> [Your assignment]: Every line from the one with "site_placement = place(None, origin())" to the one with "frame((0.0, 0.0, 128.96)))", including those two, is to be copied exactly; all other lines of the entries below are left out.

[Start of Attachment]

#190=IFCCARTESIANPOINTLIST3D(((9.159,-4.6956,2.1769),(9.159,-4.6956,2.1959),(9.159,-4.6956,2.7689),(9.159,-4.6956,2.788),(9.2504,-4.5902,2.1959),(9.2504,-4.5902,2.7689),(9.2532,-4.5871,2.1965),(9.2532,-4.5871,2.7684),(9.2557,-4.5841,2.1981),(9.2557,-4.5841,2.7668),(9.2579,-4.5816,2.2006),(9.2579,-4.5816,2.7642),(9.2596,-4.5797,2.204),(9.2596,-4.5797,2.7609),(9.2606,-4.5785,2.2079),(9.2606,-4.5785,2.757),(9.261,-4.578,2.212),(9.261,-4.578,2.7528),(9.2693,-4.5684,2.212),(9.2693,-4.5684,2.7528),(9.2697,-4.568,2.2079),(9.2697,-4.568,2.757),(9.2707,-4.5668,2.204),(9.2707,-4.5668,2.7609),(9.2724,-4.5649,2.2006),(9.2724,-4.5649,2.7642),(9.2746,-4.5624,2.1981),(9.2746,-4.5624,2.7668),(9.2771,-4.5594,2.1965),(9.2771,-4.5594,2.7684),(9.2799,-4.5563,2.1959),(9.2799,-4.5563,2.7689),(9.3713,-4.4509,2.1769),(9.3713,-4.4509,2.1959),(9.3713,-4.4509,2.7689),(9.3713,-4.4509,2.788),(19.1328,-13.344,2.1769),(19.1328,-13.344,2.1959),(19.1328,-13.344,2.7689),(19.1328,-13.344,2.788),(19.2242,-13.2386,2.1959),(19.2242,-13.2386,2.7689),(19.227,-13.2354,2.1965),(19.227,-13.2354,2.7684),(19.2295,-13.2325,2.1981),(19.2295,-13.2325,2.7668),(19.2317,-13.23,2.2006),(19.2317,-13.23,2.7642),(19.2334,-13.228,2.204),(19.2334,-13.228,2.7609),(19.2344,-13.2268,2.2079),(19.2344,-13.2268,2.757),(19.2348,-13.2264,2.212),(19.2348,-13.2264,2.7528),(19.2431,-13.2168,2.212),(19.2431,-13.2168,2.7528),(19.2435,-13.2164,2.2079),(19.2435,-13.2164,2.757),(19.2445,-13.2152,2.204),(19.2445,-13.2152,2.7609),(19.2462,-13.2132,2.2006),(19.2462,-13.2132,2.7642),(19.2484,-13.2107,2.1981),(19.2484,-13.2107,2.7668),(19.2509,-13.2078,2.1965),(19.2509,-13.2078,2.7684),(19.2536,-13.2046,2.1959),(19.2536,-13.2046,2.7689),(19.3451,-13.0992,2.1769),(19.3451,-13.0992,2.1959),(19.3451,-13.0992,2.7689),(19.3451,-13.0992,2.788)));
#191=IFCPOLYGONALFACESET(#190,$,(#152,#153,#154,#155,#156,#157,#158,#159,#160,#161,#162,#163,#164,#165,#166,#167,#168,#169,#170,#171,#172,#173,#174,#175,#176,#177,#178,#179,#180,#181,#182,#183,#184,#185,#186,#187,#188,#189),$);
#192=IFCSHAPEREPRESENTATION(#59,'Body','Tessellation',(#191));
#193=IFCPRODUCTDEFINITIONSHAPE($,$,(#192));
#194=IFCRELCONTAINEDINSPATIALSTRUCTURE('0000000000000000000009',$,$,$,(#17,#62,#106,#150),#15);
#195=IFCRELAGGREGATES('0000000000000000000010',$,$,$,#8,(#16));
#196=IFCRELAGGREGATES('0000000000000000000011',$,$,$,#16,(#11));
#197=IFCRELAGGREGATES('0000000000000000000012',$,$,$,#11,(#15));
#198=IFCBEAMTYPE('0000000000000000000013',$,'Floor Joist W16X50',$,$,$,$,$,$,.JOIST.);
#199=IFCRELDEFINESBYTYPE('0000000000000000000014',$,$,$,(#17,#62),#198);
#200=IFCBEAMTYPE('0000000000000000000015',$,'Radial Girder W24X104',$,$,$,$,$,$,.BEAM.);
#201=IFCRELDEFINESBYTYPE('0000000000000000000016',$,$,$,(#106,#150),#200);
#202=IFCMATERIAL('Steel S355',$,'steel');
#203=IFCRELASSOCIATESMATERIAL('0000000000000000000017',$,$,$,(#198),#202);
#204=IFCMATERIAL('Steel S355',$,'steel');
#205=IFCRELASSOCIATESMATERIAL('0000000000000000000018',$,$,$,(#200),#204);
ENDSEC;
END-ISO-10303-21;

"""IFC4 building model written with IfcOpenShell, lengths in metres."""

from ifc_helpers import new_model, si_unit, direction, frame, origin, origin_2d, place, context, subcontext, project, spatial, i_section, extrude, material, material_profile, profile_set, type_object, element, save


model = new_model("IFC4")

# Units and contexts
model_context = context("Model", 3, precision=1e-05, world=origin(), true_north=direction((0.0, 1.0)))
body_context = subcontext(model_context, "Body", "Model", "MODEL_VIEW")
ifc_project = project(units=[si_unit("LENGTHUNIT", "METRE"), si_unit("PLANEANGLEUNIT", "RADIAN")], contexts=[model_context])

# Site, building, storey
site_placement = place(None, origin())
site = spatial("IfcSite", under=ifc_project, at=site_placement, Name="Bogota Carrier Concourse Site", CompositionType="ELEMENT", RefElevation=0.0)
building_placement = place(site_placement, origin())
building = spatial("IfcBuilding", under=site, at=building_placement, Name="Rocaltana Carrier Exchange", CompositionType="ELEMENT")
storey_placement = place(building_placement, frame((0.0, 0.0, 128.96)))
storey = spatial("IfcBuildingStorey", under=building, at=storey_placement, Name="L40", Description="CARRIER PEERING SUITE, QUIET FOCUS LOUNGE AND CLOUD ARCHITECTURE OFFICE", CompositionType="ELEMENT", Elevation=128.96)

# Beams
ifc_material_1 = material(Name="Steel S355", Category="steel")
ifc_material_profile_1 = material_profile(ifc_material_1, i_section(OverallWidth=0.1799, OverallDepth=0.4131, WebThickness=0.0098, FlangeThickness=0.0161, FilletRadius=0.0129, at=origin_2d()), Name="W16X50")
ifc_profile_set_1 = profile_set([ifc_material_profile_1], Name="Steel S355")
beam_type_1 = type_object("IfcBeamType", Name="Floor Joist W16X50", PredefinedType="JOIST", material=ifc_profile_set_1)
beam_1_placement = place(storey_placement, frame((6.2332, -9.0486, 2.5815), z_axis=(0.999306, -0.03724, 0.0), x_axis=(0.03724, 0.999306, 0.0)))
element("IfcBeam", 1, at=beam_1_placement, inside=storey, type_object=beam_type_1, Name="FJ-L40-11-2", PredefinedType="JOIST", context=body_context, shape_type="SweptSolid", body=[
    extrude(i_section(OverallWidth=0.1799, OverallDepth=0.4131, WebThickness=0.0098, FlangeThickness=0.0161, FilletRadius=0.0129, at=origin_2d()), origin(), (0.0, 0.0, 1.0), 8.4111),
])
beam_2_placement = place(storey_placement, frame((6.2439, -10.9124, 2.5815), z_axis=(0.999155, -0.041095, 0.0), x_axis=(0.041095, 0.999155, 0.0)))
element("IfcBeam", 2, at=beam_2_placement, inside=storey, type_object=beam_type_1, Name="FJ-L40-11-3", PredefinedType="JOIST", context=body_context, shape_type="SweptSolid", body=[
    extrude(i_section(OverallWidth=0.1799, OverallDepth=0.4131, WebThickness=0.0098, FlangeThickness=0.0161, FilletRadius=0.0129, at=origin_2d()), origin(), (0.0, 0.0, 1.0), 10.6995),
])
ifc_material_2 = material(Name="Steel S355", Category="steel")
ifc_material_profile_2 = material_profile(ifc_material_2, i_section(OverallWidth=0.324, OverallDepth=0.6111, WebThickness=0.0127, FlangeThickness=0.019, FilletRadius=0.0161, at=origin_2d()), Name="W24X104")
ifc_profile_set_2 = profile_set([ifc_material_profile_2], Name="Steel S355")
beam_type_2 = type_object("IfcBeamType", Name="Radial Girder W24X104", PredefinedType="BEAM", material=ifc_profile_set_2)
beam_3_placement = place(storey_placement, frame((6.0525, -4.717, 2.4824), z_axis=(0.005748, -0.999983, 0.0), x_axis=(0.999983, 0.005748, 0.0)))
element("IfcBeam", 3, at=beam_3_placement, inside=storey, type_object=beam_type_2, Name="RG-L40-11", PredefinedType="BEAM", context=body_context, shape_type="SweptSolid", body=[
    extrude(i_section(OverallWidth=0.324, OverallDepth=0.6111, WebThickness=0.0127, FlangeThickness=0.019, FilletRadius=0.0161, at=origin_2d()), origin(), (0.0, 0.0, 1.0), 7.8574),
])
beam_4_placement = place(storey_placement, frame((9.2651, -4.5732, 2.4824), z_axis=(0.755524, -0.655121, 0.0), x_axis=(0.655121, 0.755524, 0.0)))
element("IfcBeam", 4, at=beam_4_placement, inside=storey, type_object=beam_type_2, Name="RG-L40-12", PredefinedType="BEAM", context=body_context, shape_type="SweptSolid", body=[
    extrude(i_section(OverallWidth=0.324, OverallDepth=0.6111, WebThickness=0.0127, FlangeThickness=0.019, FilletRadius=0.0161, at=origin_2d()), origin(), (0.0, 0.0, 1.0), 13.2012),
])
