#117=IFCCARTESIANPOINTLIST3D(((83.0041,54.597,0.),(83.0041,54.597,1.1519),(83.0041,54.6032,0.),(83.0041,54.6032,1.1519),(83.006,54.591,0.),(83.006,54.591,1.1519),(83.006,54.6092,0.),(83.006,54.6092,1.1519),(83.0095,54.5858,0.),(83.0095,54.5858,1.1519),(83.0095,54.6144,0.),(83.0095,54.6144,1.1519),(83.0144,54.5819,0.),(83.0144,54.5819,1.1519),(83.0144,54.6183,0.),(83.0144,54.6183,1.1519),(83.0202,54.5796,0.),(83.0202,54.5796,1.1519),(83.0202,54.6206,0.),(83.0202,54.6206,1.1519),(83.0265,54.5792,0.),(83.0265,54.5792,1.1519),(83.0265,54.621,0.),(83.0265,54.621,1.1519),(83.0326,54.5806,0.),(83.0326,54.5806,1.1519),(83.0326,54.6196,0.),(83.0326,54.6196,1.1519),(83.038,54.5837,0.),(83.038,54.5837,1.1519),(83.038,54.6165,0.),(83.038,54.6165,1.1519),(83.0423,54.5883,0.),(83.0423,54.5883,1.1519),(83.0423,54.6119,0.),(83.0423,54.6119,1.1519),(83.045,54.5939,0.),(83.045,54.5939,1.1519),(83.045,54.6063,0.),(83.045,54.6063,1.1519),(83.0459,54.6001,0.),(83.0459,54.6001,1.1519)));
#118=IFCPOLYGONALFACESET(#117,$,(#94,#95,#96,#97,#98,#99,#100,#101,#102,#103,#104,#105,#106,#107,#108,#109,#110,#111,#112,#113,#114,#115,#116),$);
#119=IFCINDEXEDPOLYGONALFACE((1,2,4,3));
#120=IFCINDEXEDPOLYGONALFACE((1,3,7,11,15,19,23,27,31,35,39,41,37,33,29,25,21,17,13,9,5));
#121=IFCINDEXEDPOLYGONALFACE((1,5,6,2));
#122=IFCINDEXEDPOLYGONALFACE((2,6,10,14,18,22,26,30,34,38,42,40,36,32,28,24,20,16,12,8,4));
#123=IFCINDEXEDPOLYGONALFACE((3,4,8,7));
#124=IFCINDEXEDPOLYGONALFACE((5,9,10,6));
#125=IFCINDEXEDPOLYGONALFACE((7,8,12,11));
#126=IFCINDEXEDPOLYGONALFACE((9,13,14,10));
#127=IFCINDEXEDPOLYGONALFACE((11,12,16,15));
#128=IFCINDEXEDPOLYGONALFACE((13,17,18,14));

[End of Attachment]

> [Output]:
site_placement = place(None, origin())
site = spatial("IfcSite", under=ifc_project, at=site_placement, Name="Bogota Carrier Concourse Site", CompositionType="ELEMENT", RefElevation=0.0)
building_placement = place(site_placement, origin())
building = spatial("IfcBuilding", under=site, at=building_placement, Name="Rocaltana Carrier Exchange", CompositionType="ELEMENT")
storey_placement = place(building_placement, frame((0.0, 0.0, 128.96)))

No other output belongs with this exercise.